Saved data entries:
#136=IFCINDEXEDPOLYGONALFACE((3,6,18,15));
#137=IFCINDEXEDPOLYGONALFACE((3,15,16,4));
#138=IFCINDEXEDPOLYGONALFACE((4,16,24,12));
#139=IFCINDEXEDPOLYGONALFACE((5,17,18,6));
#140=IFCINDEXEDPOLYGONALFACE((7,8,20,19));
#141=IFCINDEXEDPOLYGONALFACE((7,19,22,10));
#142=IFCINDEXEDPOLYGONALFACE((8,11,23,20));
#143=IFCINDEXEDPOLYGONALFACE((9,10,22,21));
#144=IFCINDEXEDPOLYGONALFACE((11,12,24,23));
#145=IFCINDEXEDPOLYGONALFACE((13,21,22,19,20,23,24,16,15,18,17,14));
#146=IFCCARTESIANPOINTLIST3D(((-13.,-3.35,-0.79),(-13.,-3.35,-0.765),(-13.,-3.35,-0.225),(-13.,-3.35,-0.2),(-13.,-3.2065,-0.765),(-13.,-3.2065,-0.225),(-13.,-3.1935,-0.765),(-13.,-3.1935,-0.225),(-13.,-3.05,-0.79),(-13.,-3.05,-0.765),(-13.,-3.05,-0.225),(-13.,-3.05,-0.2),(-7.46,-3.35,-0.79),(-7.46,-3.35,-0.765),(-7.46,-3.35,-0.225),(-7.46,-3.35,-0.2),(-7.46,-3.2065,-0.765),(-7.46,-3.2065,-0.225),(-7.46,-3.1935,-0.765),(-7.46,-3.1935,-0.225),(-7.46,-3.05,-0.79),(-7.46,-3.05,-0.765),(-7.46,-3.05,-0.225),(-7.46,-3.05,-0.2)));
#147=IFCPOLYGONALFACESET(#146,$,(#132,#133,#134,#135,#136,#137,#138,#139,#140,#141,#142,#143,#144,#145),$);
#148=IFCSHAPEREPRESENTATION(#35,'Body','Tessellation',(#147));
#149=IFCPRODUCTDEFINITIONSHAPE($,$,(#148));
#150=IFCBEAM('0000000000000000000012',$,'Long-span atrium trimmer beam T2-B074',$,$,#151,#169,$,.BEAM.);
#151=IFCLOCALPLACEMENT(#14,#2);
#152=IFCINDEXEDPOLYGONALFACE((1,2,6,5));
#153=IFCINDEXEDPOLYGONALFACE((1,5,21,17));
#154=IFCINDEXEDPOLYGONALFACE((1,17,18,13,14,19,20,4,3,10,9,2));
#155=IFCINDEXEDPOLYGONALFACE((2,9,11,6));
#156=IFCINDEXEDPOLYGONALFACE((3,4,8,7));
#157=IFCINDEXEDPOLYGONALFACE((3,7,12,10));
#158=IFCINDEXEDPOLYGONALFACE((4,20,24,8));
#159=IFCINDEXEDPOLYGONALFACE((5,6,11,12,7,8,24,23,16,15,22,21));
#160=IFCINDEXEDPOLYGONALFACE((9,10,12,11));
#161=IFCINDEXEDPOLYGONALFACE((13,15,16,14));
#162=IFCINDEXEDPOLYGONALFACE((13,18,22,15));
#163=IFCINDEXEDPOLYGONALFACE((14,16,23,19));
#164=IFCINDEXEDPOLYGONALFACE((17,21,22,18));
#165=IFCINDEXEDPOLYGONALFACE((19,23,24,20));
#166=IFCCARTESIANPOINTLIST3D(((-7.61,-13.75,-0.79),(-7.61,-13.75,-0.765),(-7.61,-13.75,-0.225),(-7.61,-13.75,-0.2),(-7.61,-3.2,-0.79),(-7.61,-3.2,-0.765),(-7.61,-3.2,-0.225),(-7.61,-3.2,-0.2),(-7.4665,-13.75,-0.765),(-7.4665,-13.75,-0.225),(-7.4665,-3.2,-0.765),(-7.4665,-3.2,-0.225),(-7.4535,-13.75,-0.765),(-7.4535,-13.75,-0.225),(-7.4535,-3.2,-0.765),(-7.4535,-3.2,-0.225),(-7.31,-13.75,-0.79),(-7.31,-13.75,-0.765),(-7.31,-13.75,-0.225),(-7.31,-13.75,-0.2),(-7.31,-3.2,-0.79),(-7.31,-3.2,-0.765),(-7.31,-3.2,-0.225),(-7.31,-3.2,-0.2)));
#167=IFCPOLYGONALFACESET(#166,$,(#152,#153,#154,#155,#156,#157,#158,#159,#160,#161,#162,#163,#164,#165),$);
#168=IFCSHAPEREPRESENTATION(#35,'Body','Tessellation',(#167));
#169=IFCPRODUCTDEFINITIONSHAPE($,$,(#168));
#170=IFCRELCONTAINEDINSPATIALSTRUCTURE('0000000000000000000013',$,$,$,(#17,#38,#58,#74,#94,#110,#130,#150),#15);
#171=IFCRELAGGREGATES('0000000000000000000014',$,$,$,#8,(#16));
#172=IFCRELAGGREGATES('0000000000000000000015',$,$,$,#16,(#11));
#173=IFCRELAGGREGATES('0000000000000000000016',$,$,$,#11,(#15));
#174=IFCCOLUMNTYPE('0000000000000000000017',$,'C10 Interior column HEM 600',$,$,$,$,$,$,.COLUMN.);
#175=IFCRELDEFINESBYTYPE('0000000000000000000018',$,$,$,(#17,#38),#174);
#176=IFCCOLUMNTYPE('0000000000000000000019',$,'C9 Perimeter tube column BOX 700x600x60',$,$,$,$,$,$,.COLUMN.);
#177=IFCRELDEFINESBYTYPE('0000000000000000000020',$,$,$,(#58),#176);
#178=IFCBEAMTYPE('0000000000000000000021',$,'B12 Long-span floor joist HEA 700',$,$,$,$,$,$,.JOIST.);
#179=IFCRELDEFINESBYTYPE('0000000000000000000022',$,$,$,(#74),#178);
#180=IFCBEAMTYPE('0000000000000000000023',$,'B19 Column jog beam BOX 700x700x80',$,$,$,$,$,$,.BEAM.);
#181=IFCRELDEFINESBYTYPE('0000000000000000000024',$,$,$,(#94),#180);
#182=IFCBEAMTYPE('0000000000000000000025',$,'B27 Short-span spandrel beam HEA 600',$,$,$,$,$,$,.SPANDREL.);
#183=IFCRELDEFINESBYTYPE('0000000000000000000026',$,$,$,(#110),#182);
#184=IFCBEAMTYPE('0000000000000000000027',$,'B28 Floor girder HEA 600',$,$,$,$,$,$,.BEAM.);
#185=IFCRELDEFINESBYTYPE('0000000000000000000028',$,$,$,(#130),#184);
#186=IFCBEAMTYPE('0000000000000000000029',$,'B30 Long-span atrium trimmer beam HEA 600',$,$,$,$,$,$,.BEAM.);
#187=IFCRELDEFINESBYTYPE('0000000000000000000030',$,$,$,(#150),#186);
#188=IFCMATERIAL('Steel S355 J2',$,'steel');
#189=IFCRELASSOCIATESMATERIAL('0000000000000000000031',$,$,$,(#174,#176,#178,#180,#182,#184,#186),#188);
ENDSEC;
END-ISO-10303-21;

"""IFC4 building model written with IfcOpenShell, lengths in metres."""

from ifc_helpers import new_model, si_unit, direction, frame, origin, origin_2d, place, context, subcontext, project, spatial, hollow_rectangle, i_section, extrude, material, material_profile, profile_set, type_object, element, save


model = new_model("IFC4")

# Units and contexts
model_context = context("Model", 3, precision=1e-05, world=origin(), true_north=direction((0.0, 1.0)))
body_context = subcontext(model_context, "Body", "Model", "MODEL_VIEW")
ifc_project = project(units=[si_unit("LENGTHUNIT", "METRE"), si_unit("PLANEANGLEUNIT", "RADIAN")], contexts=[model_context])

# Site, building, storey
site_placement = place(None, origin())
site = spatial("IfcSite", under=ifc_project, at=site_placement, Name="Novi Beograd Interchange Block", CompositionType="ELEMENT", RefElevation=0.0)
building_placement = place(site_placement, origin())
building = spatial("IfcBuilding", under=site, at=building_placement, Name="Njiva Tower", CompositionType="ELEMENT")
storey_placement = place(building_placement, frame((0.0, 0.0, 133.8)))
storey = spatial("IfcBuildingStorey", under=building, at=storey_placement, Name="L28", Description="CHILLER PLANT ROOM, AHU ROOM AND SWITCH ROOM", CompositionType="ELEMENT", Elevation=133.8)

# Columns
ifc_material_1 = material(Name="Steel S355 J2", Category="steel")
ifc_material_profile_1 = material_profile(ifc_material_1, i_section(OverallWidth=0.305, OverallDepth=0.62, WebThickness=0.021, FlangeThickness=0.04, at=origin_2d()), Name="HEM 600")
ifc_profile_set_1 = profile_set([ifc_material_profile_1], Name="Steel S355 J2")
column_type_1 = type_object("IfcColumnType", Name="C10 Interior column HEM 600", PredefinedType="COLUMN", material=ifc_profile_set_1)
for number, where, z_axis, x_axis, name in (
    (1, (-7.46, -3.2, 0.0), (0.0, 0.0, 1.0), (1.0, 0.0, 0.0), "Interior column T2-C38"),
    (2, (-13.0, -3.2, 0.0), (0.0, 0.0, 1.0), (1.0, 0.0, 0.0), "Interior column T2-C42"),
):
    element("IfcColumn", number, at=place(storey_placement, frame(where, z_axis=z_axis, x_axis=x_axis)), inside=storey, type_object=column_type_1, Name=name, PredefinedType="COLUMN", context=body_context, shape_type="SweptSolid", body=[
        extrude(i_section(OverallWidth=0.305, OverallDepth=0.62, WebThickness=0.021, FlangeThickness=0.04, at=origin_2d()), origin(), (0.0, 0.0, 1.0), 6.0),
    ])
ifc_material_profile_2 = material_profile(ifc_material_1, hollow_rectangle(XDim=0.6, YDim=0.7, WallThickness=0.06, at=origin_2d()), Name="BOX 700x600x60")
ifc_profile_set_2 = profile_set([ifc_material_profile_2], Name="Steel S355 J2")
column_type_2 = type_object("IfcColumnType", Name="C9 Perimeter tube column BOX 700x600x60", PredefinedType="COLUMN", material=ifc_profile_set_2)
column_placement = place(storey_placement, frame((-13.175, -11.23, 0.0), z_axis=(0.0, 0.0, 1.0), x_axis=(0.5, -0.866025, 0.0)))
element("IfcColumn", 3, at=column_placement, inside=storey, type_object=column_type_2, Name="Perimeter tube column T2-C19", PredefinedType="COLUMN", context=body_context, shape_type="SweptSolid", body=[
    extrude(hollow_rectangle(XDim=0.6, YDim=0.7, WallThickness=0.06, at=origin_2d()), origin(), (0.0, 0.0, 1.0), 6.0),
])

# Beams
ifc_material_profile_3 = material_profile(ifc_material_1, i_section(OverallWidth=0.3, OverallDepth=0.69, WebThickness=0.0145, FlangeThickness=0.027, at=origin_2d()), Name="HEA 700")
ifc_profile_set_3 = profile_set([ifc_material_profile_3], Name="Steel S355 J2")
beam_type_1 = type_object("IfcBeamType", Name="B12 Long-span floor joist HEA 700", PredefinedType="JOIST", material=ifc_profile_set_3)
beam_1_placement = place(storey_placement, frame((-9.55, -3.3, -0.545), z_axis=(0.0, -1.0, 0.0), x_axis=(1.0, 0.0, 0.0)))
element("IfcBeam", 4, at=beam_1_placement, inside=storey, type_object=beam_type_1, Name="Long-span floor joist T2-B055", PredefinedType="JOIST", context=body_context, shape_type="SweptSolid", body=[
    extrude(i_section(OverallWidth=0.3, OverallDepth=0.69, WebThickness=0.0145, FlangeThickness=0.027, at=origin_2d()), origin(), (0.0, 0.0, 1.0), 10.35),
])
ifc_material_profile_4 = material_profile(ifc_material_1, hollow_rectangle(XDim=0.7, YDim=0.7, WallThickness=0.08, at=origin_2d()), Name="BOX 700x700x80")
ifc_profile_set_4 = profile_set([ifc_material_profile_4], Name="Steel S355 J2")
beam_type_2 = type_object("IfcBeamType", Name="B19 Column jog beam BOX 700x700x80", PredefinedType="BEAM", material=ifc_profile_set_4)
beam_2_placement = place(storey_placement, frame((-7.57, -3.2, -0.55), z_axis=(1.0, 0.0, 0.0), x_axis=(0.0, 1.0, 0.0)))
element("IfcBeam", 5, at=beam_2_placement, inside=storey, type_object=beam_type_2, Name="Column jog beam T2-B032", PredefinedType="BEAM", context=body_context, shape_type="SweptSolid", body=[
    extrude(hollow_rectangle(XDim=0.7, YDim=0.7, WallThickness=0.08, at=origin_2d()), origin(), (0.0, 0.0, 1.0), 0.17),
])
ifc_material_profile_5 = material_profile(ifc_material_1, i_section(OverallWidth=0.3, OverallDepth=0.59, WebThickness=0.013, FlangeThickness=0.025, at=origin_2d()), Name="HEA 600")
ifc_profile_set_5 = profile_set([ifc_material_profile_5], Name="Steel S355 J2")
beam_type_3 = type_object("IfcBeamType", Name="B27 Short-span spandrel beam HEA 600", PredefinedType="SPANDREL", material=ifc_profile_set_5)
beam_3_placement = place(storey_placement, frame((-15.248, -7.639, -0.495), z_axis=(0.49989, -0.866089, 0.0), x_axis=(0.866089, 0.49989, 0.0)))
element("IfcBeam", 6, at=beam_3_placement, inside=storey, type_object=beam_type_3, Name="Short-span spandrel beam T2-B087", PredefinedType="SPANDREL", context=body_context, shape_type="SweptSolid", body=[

Exercise aim:
Tally every line in these entries where the string "OverallWidth" occurs. The tally alone is the answer.

Solution to the problem:
5